▶ _Exercise_
Copy every line from the records below that carries the word "fire".

[Stored data entries]
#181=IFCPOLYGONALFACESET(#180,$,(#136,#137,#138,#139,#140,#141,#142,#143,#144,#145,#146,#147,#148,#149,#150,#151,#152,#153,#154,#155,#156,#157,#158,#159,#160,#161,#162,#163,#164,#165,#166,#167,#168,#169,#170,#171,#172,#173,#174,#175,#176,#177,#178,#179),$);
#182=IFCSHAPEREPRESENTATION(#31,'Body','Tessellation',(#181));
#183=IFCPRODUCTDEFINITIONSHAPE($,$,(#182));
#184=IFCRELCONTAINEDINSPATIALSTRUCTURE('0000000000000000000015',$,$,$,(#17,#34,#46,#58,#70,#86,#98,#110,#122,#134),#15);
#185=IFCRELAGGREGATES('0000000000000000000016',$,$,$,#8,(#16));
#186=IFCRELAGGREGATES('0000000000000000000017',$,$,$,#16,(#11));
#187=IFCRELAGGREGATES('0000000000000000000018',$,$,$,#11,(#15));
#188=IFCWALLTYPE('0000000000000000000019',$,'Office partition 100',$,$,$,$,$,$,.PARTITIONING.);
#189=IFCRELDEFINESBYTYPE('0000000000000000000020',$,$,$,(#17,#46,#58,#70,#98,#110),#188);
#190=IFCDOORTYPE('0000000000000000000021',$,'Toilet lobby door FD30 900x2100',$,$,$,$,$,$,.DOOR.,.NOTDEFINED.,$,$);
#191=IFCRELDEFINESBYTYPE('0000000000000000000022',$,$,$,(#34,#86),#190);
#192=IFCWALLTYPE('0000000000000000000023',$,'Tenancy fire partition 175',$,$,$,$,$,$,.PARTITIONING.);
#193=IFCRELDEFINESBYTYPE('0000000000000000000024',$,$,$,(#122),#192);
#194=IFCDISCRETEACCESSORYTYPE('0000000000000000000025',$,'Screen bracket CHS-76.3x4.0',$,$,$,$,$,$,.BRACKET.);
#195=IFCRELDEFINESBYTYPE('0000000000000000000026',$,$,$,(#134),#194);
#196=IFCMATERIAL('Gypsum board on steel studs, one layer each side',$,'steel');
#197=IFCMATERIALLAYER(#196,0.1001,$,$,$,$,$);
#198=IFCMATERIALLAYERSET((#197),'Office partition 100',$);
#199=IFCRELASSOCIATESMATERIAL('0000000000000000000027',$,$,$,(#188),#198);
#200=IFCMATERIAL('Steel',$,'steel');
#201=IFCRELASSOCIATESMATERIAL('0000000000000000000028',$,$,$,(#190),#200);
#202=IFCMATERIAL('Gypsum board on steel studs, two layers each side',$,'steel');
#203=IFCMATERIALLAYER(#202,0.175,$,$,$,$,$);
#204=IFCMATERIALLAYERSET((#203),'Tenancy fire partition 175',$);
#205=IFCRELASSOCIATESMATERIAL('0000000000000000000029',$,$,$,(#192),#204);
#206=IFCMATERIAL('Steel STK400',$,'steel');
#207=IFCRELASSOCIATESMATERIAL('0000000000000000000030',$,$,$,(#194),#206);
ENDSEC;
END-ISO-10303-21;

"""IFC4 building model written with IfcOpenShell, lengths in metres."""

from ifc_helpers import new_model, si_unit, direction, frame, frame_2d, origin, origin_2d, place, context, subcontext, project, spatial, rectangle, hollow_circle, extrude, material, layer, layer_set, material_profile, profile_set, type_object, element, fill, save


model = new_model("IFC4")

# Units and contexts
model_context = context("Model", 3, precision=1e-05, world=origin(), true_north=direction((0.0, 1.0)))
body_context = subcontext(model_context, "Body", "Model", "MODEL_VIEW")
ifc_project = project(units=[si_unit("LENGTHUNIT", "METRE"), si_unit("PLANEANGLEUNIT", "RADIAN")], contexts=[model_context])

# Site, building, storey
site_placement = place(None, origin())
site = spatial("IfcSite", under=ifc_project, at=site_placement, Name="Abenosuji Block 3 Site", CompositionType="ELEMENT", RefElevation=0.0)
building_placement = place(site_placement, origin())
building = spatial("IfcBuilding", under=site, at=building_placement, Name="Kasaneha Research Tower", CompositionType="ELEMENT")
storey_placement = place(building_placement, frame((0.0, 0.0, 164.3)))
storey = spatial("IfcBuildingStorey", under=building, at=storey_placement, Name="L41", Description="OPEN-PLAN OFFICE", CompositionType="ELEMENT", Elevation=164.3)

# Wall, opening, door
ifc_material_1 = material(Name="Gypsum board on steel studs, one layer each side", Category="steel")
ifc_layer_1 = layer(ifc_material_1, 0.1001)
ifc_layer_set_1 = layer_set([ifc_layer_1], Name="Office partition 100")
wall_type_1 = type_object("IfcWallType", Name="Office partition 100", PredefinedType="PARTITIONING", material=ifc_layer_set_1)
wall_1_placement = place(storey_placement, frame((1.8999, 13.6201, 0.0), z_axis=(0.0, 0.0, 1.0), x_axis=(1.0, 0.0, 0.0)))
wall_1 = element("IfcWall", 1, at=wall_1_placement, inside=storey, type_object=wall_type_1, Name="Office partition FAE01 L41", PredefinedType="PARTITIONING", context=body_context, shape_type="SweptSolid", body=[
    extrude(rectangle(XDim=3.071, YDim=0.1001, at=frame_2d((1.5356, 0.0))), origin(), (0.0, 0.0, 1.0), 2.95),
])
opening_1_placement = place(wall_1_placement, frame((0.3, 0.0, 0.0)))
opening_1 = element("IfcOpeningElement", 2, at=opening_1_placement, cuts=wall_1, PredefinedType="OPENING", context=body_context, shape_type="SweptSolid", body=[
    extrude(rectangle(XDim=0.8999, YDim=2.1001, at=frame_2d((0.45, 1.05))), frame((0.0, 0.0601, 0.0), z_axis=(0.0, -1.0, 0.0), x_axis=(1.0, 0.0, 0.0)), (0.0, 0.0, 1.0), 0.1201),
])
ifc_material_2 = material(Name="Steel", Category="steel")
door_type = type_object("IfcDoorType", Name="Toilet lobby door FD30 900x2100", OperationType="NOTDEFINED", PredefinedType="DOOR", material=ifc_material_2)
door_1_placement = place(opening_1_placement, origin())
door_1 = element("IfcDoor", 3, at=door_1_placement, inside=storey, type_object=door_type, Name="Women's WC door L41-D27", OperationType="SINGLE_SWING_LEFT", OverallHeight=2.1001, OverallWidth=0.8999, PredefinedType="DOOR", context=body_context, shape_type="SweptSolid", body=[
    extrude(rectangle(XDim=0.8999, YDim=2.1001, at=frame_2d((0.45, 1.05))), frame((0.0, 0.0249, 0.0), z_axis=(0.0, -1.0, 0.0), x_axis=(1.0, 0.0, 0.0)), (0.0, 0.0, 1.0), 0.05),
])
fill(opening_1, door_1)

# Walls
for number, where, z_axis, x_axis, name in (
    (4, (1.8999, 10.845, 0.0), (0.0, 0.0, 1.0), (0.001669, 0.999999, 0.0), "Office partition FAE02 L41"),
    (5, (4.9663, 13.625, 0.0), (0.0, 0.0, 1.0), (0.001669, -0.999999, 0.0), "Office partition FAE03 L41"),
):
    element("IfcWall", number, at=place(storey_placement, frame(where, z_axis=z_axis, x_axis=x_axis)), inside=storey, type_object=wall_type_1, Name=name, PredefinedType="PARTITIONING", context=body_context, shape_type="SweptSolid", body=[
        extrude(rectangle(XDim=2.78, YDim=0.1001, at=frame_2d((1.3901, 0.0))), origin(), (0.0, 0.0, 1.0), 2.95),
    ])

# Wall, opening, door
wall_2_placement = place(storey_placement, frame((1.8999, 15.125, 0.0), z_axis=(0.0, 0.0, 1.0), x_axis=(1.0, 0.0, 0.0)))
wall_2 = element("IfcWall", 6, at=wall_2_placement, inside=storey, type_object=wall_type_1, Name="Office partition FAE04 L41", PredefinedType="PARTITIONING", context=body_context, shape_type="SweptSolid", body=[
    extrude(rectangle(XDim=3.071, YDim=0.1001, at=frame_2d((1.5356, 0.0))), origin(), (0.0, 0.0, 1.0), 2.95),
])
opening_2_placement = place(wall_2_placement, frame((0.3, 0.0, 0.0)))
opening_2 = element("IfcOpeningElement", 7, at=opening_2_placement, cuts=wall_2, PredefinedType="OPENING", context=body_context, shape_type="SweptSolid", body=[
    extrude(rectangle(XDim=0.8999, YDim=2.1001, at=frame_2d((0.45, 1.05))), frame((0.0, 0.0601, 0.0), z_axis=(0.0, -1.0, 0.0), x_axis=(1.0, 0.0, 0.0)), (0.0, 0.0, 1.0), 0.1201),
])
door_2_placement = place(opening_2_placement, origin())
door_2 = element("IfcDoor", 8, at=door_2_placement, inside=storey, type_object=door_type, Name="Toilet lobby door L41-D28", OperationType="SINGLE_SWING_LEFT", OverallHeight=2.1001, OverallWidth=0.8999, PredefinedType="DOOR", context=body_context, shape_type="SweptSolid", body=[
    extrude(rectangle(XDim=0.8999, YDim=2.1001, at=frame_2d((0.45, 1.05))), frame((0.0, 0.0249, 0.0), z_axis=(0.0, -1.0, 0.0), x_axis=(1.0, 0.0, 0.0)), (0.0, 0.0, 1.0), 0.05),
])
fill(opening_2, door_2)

▶ _Reply_
#192=IFCWALLTYPE('0000000000000000000023',$,'Tenancy fire partition 175',$,$,$,$,$,$,.PARTITIONING.);
#204=IFCMATERIALLAYERSET((#203),'Tenancy fire partition 175',$);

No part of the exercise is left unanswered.